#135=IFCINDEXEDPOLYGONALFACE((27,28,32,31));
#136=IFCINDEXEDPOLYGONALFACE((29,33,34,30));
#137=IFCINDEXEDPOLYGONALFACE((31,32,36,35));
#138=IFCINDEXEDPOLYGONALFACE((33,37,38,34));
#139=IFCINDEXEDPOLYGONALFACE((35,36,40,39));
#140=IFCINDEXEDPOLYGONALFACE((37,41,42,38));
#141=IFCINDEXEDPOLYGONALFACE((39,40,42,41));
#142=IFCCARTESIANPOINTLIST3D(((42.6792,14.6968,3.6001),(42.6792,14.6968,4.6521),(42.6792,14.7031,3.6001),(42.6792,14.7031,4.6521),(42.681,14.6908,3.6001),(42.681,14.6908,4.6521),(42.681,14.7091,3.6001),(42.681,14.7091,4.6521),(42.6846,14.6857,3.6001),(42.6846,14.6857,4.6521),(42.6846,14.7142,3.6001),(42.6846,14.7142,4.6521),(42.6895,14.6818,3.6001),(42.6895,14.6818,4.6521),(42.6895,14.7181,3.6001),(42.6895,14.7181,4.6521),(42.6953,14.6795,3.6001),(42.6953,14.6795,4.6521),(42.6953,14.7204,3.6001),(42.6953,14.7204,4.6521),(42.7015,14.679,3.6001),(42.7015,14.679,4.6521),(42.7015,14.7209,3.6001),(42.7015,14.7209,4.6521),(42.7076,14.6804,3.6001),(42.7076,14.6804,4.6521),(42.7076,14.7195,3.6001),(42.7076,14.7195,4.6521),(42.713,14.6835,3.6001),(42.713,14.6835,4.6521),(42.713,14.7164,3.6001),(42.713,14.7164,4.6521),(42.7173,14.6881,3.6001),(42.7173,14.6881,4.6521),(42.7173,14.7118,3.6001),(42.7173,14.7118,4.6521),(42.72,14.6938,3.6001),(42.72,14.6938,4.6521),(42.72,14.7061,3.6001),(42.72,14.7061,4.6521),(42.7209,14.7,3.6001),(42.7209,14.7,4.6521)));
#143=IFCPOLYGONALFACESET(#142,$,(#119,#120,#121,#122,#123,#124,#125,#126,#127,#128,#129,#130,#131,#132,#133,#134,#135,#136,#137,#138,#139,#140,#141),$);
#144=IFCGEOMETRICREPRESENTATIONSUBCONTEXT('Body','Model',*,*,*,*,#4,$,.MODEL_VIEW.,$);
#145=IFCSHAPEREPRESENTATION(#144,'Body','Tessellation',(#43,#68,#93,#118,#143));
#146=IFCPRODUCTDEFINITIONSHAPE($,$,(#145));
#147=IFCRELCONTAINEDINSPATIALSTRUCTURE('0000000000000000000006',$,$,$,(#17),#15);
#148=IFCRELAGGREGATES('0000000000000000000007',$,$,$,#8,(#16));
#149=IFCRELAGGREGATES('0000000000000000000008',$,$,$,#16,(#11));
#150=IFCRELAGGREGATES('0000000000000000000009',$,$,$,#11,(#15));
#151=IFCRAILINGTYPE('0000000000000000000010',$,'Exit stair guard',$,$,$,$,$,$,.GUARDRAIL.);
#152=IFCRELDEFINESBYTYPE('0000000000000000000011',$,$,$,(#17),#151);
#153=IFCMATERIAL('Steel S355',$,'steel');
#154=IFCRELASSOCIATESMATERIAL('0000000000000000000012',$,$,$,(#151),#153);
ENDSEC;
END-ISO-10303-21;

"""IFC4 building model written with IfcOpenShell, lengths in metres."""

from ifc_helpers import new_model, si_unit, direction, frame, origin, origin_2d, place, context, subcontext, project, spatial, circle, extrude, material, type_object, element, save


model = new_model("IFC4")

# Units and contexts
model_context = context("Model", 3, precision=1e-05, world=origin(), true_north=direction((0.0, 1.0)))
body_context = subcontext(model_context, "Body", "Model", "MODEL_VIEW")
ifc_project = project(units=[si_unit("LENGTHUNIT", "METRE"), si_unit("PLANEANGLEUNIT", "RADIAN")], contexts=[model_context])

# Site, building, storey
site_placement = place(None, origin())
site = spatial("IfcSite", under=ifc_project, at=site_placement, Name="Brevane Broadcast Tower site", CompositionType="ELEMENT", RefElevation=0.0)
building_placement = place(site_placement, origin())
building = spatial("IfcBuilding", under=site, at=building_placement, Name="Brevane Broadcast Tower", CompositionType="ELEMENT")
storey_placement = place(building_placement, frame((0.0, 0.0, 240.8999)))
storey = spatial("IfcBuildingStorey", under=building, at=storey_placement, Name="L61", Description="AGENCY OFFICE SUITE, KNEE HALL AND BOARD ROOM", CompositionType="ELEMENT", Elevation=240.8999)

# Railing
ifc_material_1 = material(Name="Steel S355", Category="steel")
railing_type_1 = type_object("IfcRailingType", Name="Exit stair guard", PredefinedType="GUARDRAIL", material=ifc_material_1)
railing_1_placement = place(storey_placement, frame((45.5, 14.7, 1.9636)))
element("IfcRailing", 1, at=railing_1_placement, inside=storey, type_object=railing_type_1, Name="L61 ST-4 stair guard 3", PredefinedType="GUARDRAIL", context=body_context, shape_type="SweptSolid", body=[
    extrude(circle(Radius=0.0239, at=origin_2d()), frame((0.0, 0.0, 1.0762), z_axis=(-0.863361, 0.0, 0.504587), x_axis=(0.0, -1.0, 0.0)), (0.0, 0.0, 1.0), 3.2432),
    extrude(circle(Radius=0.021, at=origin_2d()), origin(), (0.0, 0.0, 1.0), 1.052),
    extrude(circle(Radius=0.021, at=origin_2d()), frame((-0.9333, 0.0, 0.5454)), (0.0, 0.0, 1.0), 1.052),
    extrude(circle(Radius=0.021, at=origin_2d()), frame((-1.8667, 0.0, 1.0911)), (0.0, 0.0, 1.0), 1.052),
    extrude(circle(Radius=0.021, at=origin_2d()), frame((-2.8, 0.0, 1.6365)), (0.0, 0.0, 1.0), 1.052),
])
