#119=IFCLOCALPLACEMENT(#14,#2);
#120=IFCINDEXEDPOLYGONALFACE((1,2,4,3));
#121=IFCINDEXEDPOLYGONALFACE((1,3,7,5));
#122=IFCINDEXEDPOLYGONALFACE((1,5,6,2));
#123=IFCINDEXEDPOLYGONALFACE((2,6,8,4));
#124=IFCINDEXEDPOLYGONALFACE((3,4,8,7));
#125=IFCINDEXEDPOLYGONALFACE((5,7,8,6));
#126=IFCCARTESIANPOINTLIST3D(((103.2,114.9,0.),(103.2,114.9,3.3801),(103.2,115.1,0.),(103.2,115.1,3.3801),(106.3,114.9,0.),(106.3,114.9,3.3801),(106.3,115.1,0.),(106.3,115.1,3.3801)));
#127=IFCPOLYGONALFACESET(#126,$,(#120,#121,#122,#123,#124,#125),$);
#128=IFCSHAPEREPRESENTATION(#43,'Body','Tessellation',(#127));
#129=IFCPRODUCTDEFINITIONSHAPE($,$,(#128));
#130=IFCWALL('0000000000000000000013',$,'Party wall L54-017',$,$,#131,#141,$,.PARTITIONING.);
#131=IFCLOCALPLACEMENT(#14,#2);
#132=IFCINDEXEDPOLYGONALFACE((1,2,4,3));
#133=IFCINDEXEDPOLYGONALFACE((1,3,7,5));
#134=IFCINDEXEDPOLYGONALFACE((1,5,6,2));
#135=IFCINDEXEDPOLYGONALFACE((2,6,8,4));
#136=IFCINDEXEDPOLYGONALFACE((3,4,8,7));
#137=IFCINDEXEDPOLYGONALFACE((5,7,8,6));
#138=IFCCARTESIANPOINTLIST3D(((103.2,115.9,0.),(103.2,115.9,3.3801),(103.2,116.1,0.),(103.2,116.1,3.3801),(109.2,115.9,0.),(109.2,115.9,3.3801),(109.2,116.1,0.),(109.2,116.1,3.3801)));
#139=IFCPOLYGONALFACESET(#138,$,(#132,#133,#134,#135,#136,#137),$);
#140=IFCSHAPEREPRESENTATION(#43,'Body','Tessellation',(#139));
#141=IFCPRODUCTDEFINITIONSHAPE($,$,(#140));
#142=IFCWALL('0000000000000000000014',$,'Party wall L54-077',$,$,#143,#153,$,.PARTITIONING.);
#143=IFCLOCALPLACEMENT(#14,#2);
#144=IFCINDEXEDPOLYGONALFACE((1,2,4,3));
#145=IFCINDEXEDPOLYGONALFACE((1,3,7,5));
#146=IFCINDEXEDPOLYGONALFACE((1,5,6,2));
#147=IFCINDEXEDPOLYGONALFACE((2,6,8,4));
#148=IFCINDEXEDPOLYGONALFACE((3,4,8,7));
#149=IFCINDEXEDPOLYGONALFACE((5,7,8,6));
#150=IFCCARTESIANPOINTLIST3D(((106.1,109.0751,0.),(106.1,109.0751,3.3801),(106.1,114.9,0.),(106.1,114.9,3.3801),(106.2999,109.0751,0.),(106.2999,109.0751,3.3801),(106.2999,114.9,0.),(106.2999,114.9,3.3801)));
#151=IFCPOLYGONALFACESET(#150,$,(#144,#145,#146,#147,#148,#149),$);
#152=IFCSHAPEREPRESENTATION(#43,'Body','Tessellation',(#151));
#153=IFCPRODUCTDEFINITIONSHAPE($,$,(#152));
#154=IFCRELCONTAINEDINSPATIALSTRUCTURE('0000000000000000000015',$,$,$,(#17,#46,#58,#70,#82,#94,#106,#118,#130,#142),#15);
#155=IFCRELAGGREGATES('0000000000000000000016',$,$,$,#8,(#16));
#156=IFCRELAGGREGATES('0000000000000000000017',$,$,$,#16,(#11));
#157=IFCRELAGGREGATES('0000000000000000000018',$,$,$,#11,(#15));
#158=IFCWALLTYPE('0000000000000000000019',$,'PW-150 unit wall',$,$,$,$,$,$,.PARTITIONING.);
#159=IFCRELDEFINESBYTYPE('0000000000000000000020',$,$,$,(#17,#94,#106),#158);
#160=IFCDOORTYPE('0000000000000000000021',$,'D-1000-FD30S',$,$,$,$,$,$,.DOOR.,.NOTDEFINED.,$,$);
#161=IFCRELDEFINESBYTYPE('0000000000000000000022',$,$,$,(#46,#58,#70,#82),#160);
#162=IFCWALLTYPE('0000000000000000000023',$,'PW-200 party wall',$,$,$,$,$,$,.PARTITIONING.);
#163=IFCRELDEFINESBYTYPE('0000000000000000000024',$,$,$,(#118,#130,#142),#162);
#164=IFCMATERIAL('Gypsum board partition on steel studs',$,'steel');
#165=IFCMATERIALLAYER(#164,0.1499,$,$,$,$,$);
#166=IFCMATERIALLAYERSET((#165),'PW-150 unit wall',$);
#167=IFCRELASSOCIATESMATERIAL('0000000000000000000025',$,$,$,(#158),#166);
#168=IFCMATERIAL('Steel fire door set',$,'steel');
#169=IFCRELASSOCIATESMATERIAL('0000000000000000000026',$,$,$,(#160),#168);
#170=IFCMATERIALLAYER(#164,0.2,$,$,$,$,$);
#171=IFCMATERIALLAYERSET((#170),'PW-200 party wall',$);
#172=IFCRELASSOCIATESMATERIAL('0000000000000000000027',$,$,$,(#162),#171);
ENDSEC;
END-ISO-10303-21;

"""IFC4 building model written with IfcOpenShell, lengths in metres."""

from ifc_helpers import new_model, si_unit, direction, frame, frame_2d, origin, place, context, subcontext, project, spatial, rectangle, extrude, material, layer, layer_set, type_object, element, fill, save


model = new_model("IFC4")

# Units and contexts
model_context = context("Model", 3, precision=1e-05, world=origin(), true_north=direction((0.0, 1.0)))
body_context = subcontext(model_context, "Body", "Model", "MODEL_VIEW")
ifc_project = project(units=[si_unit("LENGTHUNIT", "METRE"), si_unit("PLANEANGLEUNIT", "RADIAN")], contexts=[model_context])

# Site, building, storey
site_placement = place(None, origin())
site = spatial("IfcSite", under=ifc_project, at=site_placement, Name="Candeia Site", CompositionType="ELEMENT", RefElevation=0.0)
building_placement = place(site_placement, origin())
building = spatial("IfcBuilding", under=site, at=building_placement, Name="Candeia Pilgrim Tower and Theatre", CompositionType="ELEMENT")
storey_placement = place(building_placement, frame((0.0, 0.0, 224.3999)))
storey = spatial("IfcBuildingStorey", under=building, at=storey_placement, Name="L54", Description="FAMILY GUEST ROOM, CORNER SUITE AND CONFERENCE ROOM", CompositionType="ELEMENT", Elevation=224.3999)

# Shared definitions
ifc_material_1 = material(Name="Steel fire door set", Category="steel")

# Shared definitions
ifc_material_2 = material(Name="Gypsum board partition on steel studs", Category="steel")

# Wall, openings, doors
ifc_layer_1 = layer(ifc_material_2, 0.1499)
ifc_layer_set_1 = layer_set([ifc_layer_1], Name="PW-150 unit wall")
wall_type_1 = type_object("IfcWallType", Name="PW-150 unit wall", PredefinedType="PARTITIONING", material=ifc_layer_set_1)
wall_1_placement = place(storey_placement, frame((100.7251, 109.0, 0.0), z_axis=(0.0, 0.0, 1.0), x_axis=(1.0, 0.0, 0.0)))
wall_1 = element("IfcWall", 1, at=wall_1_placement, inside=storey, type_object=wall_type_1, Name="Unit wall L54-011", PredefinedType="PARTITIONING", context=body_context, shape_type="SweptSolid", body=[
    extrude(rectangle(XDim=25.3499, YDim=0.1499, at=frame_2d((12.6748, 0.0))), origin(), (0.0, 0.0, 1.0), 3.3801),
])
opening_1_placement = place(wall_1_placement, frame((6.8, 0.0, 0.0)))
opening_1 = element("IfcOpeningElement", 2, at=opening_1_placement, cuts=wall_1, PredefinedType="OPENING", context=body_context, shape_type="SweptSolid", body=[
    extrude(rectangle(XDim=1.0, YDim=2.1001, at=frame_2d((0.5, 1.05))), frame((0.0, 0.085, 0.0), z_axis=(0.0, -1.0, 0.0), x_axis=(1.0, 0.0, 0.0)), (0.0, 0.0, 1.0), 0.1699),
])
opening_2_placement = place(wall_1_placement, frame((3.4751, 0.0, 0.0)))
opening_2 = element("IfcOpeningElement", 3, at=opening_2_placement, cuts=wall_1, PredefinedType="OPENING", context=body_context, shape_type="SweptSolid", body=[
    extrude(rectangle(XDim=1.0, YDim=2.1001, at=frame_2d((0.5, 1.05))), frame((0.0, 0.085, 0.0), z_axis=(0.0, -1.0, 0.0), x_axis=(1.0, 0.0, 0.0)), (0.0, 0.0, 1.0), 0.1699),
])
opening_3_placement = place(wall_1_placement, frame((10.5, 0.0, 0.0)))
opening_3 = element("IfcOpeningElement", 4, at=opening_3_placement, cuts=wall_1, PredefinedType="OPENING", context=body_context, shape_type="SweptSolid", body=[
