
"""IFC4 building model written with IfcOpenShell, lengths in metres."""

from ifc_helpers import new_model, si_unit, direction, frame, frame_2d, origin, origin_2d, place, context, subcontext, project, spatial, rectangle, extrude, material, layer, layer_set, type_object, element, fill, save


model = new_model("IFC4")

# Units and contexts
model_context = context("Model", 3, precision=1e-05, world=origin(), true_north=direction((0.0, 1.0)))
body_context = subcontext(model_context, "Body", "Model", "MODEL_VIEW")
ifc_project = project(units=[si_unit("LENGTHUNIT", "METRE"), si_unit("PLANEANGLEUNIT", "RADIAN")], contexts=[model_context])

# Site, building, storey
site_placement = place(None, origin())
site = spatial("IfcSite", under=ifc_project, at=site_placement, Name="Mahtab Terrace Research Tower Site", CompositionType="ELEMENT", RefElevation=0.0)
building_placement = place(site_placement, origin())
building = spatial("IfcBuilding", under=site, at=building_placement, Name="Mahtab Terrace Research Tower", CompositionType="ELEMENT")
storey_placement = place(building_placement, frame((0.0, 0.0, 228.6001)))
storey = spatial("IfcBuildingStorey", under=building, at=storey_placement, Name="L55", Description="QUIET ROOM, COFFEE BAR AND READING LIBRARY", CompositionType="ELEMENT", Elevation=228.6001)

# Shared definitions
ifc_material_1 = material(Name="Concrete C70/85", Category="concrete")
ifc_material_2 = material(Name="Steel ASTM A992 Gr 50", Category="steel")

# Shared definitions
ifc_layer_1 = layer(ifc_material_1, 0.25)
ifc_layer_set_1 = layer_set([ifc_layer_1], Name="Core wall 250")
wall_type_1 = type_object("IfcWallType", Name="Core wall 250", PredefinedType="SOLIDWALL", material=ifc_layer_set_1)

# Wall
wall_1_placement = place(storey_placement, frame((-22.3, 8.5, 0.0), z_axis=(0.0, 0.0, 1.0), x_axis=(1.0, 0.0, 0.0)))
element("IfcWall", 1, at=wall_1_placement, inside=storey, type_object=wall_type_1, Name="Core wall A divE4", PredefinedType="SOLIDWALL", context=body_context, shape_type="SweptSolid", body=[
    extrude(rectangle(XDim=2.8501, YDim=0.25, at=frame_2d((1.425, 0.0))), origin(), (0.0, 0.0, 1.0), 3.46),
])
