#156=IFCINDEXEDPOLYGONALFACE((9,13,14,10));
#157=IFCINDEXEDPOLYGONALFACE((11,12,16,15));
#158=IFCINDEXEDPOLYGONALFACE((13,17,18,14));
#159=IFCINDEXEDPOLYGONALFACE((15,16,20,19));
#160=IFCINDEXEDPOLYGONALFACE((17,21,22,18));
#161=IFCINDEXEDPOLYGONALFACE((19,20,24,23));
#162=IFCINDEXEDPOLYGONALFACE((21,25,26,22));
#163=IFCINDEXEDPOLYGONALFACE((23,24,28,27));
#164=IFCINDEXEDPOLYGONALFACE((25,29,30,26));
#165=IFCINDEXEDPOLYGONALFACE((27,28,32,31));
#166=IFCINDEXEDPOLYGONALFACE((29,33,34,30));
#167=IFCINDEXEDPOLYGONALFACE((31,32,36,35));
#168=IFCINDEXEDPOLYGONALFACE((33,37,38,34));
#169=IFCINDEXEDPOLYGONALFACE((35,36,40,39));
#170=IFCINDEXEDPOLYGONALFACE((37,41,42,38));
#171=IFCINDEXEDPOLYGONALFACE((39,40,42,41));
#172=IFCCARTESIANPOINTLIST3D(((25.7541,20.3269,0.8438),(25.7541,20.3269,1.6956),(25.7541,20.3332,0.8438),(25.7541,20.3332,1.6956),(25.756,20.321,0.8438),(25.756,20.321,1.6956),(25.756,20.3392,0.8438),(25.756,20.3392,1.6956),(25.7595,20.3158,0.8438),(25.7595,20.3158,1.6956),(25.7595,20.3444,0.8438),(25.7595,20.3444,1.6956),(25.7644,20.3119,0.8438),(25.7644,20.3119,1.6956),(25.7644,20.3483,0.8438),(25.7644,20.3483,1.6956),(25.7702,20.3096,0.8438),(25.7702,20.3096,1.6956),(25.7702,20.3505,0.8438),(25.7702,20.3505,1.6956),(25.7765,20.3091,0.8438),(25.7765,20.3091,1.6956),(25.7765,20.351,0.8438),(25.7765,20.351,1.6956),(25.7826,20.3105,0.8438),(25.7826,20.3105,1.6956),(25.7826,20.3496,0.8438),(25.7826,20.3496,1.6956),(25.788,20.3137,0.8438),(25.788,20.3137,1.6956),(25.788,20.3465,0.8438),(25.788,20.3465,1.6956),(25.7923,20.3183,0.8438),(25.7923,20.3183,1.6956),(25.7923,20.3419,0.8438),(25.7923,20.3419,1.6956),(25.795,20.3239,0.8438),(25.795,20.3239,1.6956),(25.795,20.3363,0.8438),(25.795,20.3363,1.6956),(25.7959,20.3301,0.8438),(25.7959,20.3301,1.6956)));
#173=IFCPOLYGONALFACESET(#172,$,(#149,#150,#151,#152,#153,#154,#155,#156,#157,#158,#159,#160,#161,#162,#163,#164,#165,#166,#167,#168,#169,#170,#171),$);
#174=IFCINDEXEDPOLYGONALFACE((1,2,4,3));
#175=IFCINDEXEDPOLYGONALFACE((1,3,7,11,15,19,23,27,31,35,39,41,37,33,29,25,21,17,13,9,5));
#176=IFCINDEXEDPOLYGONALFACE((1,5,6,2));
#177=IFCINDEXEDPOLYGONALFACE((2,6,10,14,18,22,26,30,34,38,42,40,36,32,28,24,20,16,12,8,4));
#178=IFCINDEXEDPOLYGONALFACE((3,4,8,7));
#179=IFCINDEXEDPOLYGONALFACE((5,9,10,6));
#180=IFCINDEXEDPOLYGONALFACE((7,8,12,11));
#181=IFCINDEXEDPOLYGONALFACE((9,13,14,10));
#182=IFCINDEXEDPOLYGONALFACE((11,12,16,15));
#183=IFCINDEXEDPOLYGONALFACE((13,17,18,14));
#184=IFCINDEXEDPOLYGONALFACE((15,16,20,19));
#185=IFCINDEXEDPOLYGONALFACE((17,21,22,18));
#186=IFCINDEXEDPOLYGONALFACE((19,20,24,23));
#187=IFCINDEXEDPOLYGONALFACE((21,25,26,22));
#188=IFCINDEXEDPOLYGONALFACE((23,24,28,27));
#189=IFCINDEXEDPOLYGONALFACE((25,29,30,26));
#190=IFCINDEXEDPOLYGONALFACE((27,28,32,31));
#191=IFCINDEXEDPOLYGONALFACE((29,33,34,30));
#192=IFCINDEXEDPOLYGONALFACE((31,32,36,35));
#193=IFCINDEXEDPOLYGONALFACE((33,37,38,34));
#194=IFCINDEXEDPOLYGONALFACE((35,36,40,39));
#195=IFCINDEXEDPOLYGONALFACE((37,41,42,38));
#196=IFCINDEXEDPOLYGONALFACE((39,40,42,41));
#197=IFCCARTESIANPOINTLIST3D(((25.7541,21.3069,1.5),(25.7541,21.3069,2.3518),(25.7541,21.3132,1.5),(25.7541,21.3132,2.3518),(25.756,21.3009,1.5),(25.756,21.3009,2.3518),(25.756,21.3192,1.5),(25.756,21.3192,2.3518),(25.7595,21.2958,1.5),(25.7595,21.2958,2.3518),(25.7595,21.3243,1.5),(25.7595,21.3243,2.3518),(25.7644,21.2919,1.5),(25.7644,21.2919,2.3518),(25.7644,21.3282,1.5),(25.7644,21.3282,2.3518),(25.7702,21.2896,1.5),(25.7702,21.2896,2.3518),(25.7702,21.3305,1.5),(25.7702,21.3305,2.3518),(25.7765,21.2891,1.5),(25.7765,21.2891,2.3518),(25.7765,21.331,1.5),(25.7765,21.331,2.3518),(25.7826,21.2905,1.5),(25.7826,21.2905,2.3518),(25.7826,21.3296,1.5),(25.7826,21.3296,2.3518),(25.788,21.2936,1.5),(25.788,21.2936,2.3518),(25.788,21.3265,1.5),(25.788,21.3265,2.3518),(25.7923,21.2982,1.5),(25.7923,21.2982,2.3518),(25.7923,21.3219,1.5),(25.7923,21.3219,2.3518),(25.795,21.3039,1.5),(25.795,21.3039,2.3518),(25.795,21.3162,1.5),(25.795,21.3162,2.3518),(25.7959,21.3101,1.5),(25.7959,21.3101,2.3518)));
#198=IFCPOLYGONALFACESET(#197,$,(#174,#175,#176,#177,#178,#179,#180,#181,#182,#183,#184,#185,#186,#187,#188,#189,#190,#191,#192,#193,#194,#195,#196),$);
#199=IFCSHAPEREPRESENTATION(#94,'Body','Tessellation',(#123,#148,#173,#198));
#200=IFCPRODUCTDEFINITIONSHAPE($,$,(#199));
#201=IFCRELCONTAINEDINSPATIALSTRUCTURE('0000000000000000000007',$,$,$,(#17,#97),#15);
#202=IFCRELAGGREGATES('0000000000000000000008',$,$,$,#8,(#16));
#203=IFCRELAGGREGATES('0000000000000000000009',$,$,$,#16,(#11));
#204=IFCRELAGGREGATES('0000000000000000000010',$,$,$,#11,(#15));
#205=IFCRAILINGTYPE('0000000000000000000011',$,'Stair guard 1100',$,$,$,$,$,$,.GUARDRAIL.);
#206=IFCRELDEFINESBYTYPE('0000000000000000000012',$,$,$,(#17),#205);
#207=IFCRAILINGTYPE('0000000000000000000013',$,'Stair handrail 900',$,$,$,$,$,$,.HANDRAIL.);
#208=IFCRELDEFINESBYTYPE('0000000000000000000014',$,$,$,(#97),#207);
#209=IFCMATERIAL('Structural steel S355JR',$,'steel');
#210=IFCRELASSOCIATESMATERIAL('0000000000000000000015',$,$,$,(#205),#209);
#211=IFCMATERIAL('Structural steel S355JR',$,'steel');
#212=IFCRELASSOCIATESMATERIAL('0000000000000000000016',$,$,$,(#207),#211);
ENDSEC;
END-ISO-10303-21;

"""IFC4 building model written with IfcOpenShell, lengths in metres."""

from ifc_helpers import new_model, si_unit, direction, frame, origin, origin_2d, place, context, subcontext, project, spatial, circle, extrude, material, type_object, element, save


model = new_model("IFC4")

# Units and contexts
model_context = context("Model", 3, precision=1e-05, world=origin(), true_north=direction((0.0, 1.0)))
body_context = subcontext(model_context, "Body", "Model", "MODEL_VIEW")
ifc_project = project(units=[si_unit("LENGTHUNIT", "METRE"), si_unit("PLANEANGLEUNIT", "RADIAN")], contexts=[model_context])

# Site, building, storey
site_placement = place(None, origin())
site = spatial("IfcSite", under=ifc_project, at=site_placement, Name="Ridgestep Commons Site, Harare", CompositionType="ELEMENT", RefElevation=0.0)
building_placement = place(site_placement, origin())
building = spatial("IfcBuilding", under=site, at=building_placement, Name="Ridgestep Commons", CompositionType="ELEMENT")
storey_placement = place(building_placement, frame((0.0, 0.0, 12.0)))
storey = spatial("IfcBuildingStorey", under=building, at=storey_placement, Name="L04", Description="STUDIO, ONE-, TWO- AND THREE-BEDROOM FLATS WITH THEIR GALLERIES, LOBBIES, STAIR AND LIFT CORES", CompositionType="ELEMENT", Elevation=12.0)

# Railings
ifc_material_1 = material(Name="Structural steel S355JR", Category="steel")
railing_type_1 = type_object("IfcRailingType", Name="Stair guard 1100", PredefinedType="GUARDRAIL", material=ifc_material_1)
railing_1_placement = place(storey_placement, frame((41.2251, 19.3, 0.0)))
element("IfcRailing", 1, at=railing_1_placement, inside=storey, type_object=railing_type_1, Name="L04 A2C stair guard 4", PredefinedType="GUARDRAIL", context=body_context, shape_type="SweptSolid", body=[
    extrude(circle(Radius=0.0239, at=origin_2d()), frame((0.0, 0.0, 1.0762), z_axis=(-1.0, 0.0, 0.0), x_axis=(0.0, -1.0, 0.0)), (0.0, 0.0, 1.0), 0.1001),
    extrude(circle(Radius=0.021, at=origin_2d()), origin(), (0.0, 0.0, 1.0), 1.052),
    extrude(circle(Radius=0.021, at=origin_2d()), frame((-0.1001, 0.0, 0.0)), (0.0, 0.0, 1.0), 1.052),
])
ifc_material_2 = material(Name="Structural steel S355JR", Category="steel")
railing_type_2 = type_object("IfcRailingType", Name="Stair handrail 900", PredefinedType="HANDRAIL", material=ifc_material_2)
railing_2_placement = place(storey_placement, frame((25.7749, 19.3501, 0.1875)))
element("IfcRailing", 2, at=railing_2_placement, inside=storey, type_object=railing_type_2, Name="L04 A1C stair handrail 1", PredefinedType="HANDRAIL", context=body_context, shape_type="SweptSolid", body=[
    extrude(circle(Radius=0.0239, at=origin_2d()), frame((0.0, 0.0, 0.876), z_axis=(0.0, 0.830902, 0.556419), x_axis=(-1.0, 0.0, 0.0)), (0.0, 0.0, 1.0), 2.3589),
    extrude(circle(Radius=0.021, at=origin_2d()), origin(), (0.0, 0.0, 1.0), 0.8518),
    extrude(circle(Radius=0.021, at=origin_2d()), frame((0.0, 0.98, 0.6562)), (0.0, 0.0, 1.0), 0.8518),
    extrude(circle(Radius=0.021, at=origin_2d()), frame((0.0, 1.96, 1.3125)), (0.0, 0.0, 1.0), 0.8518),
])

------------------------------

Problem to solve. Would you please copy every line in the data that contains the word "inside"?

Written answer.
element("IfcRailing", 1, at=railing_1_placement, inside=storey, type_object=railing_type_1, Name="L61 ST-4 stair guard 3", PredefinedType="GUARDRAIL", context=body_context, shape_type="SweptSolid", body=[
wall_1 = element("IfcWall", 1, at=wall_1_placement, inside=storey, type_object=wall_type_1, Name="Unit wall L54-011", PredefinedType="PARTITIONING", context=body_context, shape_type="SweptSolid", body=[
element("IfcWall", 1, at=wall_1_placement, inside=storey, type_object=wall_type_1, Name="Core wall A divE4", PredefinedType="SOLIDWALL", context=body_context, shape_type="SweptSolid", body=[
element("IfcRailing", 1, at=railing_1_placement, inside=storey, type_object=railing_type_1, Name="L04 A2C stair guard 4", PredefinedType="GUARDRAIL", context=body_context, shape_type="SweptSolid", body=[
element("IfcRailing", 2, at=railing_2_placement, inside=storey, type_object=railing_type_2, Name="L04 A1C stair handrail 1", PredefinedType="HANDRAIL", context=body_context, shape_type="SweptSolid", body=[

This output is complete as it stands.